*** Dataset Section Begins ***

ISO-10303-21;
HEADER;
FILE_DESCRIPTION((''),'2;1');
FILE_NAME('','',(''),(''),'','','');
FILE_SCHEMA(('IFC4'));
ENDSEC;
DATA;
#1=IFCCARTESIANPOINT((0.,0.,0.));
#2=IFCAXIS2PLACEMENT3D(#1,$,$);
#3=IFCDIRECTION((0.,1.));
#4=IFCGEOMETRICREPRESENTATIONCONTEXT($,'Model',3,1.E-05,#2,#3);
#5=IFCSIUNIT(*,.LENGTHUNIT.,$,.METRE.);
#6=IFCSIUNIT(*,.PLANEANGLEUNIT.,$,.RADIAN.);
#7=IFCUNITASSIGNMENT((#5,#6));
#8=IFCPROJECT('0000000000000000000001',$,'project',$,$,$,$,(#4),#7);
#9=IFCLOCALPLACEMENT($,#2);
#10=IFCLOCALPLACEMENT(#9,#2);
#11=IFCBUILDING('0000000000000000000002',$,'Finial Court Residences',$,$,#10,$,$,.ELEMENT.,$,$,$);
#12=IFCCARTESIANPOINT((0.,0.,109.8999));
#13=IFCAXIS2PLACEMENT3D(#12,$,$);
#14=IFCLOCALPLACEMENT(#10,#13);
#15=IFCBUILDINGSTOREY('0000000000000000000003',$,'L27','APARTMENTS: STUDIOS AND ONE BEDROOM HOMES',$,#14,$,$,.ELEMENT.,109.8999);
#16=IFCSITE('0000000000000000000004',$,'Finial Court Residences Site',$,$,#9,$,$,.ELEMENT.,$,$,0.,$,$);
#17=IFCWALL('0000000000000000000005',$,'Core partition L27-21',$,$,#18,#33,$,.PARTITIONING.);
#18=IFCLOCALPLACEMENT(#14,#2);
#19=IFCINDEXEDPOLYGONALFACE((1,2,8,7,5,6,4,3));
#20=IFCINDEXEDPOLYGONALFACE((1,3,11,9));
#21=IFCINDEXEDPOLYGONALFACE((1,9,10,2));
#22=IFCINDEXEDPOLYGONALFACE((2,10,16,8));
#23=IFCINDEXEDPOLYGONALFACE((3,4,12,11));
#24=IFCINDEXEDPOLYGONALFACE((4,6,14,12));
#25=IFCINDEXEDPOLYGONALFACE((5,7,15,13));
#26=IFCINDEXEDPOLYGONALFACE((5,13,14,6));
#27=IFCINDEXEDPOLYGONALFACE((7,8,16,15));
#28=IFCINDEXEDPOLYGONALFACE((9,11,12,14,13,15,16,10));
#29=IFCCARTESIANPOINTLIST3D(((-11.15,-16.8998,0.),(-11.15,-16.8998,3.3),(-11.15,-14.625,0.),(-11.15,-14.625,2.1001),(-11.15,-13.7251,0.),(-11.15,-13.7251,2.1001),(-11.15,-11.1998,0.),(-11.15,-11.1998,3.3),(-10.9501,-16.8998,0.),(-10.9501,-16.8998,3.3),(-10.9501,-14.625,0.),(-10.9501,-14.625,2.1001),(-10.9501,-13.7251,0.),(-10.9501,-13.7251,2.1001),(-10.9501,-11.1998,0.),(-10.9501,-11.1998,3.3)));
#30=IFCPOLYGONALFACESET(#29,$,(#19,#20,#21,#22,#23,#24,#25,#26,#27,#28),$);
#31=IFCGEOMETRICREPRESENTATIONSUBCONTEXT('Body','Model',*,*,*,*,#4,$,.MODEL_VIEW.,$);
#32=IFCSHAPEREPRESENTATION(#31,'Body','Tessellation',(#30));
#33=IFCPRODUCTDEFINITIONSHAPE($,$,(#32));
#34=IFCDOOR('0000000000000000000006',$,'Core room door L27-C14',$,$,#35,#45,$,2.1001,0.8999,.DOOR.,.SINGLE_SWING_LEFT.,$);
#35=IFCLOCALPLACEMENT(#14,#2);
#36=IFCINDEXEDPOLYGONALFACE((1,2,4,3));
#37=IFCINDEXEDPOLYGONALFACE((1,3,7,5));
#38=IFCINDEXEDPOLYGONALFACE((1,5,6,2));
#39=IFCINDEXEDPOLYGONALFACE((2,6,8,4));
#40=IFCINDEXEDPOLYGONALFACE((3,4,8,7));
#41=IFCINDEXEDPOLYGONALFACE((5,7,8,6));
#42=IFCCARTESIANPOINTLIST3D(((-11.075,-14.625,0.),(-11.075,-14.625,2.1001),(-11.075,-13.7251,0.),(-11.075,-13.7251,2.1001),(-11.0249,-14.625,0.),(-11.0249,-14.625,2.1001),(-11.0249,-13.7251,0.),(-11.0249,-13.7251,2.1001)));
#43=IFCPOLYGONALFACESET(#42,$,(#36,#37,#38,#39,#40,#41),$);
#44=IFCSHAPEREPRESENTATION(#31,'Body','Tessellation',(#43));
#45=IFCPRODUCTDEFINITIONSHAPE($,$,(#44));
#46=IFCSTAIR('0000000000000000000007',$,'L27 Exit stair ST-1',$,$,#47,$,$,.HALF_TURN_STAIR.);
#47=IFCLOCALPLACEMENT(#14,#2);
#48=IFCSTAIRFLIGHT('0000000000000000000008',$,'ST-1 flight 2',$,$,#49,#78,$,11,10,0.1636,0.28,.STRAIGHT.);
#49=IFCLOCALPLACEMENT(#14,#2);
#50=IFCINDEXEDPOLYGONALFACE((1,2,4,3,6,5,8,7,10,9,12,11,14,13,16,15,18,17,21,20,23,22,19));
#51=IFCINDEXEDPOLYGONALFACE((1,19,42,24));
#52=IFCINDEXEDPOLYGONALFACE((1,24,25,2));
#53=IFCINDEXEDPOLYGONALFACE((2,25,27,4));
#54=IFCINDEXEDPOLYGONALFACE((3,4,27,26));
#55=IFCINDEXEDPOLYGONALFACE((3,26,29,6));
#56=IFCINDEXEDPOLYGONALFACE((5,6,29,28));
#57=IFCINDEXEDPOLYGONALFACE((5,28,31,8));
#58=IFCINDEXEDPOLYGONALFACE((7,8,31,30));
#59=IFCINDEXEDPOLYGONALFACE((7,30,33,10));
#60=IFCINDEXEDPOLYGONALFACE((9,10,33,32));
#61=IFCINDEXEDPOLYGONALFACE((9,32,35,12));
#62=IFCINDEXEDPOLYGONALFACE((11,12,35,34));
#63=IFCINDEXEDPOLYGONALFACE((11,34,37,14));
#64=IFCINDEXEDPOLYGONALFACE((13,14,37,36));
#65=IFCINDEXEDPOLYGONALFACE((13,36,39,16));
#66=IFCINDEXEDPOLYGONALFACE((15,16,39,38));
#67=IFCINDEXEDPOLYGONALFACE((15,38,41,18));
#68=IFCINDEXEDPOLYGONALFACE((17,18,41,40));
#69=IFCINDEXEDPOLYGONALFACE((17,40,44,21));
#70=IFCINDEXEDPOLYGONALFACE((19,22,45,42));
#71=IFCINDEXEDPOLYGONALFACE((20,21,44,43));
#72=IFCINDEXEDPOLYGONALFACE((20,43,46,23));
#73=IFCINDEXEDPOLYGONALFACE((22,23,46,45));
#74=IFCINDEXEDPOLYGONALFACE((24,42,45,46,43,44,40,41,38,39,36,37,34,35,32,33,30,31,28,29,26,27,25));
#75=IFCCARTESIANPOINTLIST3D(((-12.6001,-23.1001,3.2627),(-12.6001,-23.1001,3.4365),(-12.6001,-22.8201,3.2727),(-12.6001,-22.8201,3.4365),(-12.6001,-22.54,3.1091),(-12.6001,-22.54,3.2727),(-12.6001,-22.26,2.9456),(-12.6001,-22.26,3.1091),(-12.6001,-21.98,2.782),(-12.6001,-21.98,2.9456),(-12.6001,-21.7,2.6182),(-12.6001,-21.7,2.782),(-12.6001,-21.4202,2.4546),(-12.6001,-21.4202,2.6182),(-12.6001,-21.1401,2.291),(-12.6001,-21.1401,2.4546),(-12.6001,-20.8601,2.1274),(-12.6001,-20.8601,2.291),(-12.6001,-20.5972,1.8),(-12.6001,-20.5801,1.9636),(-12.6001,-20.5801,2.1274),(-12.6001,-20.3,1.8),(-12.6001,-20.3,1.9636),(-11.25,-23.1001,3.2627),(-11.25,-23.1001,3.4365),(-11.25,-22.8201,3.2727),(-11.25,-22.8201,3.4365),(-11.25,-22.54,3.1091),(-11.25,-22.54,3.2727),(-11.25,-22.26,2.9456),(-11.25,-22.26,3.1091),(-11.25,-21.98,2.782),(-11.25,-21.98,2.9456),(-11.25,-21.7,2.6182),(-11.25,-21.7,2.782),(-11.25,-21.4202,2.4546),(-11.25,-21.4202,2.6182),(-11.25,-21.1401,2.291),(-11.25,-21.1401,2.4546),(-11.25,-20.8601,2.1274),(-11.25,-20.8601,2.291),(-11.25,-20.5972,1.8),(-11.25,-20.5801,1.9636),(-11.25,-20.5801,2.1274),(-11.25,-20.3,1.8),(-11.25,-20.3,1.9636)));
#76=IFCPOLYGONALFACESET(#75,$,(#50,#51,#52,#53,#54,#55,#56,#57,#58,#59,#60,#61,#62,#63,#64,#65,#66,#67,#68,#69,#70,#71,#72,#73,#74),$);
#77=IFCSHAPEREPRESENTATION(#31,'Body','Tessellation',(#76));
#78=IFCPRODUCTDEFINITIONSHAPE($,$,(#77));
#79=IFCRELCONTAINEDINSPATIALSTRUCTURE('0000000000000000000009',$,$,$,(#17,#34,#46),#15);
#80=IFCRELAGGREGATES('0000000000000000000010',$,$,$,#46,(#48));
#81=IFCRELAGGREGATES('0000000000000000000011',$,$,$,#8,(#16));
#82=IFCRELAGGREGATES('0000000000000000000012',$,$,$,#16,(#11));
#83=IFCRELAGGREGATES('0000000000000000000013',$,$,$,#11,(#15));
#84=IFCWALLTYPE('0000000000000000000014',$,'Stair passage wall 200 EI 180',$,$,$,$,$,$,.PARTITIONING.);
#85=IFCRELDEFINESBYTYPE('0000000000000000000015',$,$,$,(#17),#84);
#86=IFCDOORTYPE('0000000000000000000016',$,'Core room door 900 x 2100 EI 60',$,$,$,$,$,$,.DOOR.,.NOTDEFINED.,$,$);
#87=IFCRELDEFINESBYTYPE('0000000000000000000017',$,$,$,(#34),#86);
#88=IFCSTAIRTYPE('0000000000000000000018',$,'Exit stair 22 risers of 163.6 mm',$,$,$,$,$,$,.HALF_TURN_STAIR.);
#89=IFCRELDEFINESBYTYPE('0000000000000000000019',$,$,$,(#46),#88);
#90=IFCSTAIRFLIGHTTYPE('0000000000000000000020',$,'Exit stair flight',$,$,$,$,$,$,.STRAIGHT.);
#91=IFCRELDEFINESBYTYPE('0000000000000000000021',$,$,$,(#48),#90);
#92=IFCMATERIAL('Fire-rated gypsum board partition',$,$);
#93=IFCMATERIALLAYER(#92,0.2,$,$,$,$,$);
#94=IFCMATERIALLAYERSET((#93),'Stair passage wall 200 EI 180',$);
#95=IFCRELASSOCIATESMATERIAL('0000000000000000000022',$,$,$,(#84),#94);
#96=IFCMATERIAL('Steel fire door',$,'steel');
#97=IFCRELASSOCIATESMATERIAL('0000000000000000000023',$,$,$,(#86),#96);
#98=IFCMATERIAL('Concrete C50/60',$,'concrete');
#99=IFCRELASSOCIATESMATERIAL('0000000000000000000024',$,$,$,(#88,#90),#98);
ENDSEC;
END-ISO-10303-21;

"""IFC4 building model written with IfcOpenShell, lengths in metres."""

from ifc_helpers import new_model, si_unit, direction, frame, frame_2d, origin, place, context, subcontext, project, spatial, polyline, rectangle, outline, extrude, material, layer, layer_set, type_object, element, fill, aggregate, save


model = new_model("IFC4")

# Units and contexts
model_context = context("Model", 3, precision=1e-05, world=origin(), true_north=direction((0.0, 1.0)))
body_context = subcontext(model_context, "Body", "Model", "MODEL_VIEW")
ifc_project = project(units=[si_unit("LENGTHUNIT", "METRE"), si_unit("PLANEANGLEUNIT", "RADIAN")], contexts=[model_context])

# Site, building, storey
site_placement = place(None, origin())
site = spatial("IfcSite", under=ifc_project, at=site_placement, Name="Finial Court Residences Site", CompositionType="ELEMENT", RefElevation=0.0)
building_placement = place(site_placement, origin())
building = spatial("IfcBuilding", under=site, at=building_placement, Name="Finial Court Residences", CompositionType="ELEMENT")
storey_placement = place(building_placement, frame((0.0, 0.0, 109.8999)))
storey = spatial("IfcBuildingStorey", under=building, at=storey_placement, Name="L27", Description="APARTMENTS: STUDIOS AND ONE BEDROOM HOMES", CompositionType="ELEMENT", Elevation=109.8999)

# Wall, opening, door
ifc_material_1 = material(Name="Fire-rated gypsum board partition")
ifc_material_2 = material(Name="Steel fire door", Category="steel")
ifc_layer_1 = layer(ifc_material_1, 0.2)
ifc_layer_set_1 = layer_set([ifc_layer_1], Name="Stair passage wall 200 EI 180")
wall_type_1 = type_object("IfcWallType", Name="Stair passage wall 200 EI 180", PredefinedType="PARTITIONING", material=ifc_layer_set_1)
wall_1_placement = place(storey_placement, frame((-11.05, -16.8999, 0.0), z_axis=(0.0, 0.0, 1.0), x_axis=(0.0, 1.0, 0.0)))
wall_1 = element("IfcWall", 1, at=wall_1_placement, inside=storey, type_object=wall_type_1, Name="Core partition L27-21", PredefinedType="PARTITIONING", context=body_context, shape_type="SweptSolid", body=[
    extrude(rectangle(XDim=5.7, YDim=0.2, at=frame_2d((2.8501, 0.0))), origin(), (0.0, 0.0, 1.0), 3.3),
])
opening_1_placement = place(wall_1_placement, frame((2.2749, 0.0, 0.0)))
opening_1 = element("IfcOpeningElement", 2, at=opening_1_placement, cuts=wall_1, PredefinedType="OPENING", context=body_context, shape_type="SweptSolid", body=[
    extrude(rectangle(XDim=0.8999, YDim=2.1001, at=frame_2d((0.45, 1.05))), frame((0.0, 0.1099, 0.0), z_axis=(0.0, -1.0, 0.0), x_axis=(1.0, 0.0, 0.0)), (0.0, 0.0, 1.0), 0.22),
])
door_type_1 = type_object("IfcDoorType", Name="Core room door 900 x 2100 EI 60", OperationType="NOTDEFINED", PredefinedType="DOOR", material=ifc_material_2)
door_1_placement = place(opening_1_placement, origin())
door_1 = element("IfcDoor", 3, at=door_1_placement, inside=storey, type_object=door_type_1, Name="Core room door L27-C14", OperationType="SINGLE_SWING_LEFT", OverallHeight=2.1001, OverallWidth=0.8999, PredefinedType="DOOR", context=body_context, shape_type="SweptSolid", body=[
    extrude(rectangle(XDim=0.8999, YDim=2.1001, at=frame_2d((0.45, 1.05))), frame((0.0, 0.0249, 0.0), z_axis=(0.0, -1.0, 0.0), x_axis=(1.0, 0.0, 0.0)), (0.0, 0.0, 1.0), 0.05),
])
fill(opening_1, door_1)

# Stair, stair flight
ifc_material_3 = material(Name="Concrete C50/60", Category="concrete")
stair_type = type_object("IfcStairType", Name="Exit stair 22 risers of 163.6 mm", PredefinedType="HALF_TURN_STAIR", material=ifc_material_3)
stair_placement = place(storey_placement, origin())
stair = element("IfcStair", 4, at=stair_placement, inside=storey, type_object=stair_type, Name="L27 Exit stair ST-1", PredefinedType="HALF_TURN_STAIR")
stair_flight_type = type_object("IfcStairFlightType", Name="Exit stair flight", PredefinedType="STRAIGHT", material=ifc_material_3)
stair_flight_placement = place(storey_placement, frame((-11.925, -20.3, 1.8), z_axis=(0.0, 0.0, 1.0), x_axis=(0.0, -1.0, 0.0)))
stair_flight = element("IfcStairFlight", 5, at=stair_flight_placement, type_object=stair_flight_type, Name="ST-1 flight 2", NumberOfRisers=11, NumberOfTreads=10, PredefinedType="STRAIGHT", RiserHeight=0.1636, TreadLength=0.28, context=body_context, shape_type="SweptSolid", body=[
    extrude(outline(polyline([(0.0, 0.0), (0.0, 0.1636), (0.28, 0.1636), (0.28, 0.3274), (0.5601, 0.3274), (0.5601, 0.491), (0.8401, 0.491), (0.8401, 0.6545), (1.1201, 0.6545), (1.1201, 0.8181), (1.3999, 0.8181), (1.3999, 0.9819), (1.6799, 0.9819), (1.6799, 1.1455), (1.96, 1.1455), (1.96, 1.3091), (2.24, 1.3091), (2.24, 1.4727), (2.52, 1.4727), (2.52, 1.6365), (2.8, 1.6365), (2.8, 1.8), (2.8, 1.4626), (0.2971, 0.0), (0.0, 0.0)])), frame((0.0, 0.675, 0.0), z_axis=(0.0, -1.0, 0.0), x_axis=(1.0, 0.0, 0.0)), (0.0, 0.0, 1.0), 1.3501),
])
aggregate(stair, [stair_flight])

save(model, "model.ifc")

*** Dataset Section Ends ***

◆ Task details ◆
Show each line of the records above containing "IFCLOCALPLACEMENT".

◆ Output ◆
#9=IFCLOCALPLACEMENT($,#2);
#10=IFCLOCALPLACEMENT(#9,#2);
#14=IFCLOCALPLACEMENT(#10,#13);
#18=IFCLOCALPLACEMENT(#14,#2);
#35=IFCLOCALPLACEMENT(#14,#2);
#47=IFCLOCALPLACEMENT(#14,#2);
#49=IFCLOCALPLACEMENT(#14,#2);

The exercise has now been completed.